## EXERCISE INSTRUCTIONS
In the entries below, find the line containing "fill(opening_2, door_1)" and the line containing "16.45, 0.0), z_axis=(0.0, 0.0, 1.0), x_axis=(1.0, 0.0, 0.0)))". Copy those two lines and everything between them exactly, and only that.

## PROVIDED DATA

————

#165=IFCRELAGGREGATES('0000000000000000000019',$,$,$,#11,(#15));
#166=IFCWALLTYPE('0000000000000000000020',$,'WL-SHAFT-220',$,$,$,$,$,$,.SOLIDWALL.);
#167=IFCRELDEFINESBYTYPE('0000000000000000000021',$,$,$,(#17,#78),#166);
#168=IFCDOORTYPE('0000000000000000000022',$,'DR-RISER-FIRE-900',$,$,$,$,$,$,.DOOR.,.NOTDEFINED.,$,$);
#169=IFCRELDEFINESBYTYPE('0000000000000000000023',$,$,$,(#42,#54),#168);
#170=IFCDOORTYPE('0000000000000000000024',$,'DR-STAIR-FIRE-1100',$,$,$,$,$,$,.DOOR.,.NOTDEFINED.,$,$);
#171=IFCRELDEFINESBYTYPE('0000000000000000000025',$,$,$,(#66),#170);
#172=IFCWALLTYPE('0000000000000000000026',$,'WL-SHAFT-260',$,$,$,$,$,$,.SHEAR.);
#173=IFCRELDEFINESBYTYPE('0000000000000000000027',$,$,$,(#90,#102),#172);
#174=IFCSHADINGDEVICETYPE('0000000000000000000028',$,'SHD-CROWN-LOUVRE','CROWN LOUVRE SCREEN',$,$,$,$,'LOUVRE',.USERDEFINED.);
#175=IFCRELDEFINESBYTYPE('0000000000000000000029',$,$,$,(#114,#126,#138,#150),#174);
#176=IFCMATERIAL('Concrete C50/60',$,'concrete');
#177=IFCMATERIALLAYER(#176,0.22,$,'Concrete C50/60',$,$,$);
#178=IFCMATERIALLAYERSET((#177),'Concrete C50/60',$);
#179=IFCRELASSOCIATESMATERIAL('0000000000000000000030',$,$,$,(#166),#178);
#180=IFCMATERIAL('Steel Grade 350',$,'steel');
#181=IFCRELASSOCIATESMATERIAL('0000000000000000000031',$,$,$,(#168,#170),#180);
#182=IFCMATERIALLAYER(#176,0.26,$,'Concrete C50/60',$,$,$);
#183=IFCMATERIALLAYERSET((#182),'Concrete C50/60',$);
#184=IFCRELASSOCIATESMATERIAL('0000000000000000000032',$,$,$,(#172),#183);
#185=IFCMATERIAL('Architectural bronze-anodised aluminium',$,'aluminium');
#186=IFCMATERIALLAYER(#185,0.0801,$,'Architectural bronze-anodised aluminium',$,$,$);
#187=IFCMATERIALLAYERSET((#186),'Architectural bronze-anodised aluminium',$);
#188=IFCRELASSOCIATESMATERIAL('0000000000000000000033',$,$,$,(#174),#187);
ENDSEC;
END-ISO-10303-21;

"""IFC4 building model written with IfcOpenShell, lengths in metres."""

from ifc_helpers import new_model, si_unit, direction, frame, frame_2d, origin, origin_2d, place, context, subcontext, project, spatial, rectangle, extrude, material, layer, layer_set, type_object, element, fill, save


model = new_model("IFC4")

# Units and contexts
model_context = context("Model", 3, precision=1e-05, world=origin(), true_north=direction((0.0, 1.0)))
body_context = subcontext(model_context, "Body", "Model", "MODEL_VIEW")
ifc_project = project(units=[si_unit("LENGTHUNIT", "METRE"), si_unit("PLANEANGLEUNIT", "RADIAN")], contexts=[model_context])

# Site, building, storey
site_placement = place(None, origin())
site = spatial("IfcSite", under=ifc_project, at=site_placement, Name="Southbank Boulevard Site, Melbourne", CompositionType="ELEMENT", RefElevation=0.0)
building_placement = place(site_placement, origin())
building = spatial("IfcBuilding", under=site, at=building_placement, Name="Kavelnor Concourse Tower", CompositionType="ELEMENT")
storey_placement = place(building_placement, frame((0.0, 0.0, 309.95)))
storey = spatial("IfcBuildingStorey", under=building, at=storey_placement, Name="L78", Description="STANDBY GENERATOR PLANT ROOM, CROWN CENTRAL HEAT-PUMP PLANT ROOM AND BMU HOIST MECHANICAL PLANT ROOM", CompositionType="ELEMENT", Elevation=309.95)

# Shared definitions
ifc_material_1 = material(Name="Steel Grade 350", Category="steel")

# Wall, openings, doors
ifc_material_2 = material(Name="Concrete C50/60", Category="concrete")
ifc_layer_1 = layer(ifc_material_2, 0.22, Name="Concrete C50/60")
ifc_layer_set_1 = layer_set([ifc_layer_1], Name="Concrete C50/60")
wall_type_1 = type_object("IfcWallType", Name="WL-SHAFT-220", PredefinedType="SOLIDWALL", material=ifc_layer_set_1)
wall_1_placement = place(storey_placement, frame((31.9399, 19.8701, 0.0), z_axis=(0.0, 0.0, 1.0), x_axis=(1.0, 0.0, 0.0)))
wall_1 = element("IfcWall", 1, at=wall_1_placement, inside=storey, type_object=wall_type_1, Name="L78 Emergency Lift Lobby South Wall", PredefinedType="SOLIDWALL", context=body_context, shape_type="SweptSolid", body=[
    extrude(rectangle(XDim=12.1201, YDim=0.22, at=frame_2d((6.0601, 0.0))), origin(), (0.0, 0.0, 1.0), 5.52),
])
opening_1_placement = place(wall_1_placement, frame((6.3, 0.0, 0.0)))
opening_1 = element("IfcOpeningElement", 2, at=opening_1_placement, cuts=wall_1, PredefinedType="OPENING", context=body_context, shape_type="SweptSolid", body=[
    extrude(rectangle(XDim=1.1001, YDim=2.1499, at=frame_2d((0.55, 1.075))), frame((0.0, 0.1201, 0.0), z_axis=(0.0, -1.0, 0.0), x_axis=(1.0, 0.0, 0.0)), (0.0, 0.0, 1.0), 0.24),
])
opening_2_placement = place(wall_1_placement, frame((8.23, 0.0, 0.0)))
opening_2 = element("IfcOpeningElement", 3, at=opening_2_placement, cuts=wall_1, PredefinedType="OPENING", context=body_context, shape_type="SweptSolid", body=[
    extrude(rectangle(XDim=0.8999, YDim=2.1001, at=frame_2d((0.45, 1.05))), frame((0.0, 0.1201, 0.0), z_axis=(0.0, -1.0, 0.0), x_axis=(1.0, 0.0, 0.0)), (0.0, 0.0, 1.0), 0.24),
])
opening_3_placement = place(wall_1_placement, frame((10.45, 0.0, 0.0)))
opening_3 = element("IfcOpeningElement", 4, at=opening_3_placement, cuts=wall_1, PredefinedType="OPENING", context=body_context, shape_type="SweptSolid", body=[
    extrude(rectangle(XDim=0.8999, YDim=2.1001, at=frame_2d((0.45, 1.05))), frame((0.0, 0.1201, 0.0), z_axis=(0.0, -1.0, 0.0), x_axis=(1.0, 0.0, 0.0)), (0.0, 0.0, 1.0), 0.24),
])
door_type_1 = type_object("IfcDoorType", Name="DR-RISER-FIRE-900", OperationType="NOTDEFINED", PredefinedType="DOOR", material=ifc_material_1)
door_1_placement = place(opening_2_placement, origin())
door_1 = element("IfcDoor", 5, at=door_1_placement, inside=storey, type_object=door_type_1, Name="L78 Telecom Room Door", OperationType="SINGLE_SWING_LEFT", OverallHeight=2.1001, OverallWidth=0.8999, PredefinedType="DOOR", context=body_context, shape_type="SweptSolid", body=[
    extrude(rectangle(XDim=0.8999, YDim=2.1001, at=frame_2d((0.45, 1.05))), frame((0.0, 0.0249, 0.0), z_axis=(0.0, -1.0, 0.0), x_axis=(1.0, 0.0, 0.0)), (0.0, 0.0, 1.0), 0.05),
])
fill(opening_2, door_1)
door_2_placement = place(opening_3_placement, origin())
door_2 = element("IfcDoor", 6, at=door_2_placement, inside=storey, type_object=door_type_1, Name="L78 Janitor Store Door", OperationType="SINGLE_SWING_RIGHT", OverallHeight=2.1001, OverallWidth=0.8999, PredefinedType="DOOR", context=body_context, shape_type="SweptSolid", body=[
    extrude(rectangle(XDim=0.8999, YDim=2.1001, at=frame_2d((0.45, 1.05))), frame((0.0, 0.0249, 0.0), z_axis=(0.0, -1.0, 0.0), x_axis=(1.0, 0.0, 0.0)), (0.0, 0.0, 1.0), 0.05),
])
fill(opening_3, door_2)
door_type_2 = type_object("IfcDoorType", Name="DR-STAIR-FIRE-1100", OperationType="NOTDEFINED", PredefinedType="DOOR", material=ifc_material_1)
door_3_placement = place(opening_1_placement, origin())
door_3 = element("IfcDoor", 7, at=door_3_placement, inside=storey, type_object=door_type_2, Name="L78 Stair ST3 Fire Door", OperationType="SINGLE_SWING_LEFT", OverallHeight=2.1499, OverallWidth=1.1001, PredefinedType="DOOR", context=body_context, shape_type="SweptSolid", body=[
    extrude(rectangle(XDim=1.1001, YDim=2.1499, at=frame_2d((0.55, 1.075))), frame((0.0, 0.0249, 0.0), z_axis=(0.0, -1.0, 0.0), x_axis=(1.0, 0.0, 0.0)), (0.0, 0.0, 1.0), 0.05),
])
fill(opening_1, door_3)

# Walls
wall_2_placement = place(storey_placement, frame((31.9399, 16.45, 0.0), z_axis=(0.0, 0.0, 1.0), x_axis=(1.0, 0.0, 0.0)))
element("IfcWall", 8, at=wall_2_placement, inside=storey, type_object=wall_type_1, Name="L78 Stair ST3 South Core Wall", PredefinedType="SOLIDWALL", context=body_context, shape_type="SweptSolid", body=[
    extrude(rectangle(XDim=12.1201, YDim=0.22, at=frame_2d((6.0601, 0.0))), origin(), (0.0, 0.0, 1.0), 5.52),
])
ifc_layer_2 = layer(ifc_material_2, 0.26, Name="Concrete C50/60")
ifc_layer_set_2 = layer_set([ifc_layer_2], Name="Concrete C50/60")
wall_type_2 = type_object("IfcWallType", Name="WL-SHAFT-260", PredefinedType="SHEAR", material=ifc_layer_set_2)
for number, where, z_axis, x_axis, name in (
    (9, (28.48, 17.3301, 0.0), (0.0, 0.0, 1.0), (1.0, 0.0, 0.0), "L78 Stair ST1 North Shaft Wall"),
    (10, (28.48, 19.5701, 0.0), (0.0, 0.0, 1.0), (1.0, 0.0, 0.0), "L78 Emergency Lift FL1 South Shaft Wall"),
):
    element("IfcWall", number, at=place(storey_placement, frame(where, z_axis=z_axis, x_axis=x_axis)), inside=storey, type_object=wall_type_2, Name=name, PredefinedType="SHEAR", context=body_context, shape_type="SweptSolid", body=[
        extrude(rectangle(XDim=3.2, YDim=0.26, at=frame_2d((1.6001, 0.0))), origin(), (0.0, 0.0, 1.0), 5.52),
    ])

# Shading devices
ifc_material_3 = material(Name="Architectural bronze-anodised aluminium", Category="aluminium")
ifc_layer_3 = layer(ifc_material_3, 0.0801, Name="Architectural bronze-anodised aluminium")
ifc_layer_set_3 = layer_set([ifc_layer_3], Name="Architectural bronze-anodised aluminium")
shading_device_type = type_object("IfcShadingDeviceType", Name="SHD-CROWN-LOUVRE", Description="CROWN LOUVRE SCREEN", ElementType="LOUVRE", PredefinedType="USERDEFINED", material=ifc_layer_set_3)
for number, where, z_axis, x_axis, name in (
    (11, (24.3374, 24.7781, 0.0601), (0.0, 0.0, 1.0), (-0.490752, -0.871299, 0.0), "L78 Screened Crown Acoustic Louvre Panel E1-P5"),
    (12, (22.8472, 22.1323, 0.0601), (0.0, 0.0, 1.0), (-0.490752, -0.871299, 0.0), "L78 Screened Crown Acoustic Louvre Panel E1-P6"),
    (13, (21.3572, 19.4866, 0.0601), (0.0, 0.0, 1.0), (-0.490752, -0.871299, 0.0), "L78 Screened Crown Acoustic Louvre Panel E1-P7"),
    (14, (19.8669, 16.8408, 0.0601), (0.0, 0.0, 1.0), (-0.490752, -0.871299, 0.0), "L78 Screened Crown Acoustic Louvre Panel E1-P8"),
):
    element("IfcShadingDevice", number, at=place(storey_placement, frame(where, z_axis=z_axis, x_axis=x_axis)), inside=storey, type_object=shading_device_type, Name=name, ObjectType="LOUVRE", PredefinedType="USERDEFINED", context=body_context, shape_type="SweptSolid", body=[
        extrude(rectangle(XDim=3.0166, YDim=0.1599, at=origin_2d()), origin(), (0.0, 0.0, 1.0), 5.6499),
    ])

————

## EXERCISE SOLUTION
fill(opening_2, door_1)
door_2_placement = place(opening_3_placement, origin())
door_2 = element("IfcDoor", 6, at=door_2_placement, inside=storey, type_object=door_type_1, Name="L78 Janitor Store Door", OperationType="SINGLE_SWING_RIGHT", OverallHeight=2.1001, OverallWidth=0.8999, PredefinedType="DOOR", context=body_context, shape_type="SweptSolid", body=[
    extrude(rectangle(XDim=0.8999, YDim=2.1001, at=frame_2d((0.45, 1.05))), frame((0.0, 0.0249, 0.0), z_axis=(0.0, -1.0, 0.0), x_axis=(1.0, 0.0, 0.0)), (0.0, 0.0, 1.0), 0.05),
])
fill(opening_3, door_2)
door_type_2 = type_object("IfcDoorType", Name="DR-STAIR-FIRE-1100", OperationType="NOTDEFINED", PredefinedType="DOOR", material=ifc_material_1)
door_3_placement = place(opening_1_placement, origin())
door_3 = element("IfcDoor", 7, at=door_3_placement, inside=storey, type_object=door_type_2, Name="L78 Stair ST3 Fire Door", OperationType="SINGLE_SWING_LEFT", OverallHeight=2.1499, OverallWidth=1.1001, PredefinedType="DOOR", context=body_context, shape_type="SweptSolid", body=[
    extrude(rectangle(XDim=1.1001, YDim=2.1499, at=frame_2d((0.55, 1.075))), frame((0.0, 0.0249, 0.0), z_axis=(0.0, -1.0, 0.0), x_axis=(1.0, 0.0, 0.0)), (0.0, 0.0, 1.0), 0.05),
])
fill(opening_1, door_3)

# Walls
wall_2_placement = place(storey_placement, frame((31.9399, 16.45, 0.0), z_axis=(0.0, 0.0, 1.0), x_axis=(1.0, 0.0, 0.0)))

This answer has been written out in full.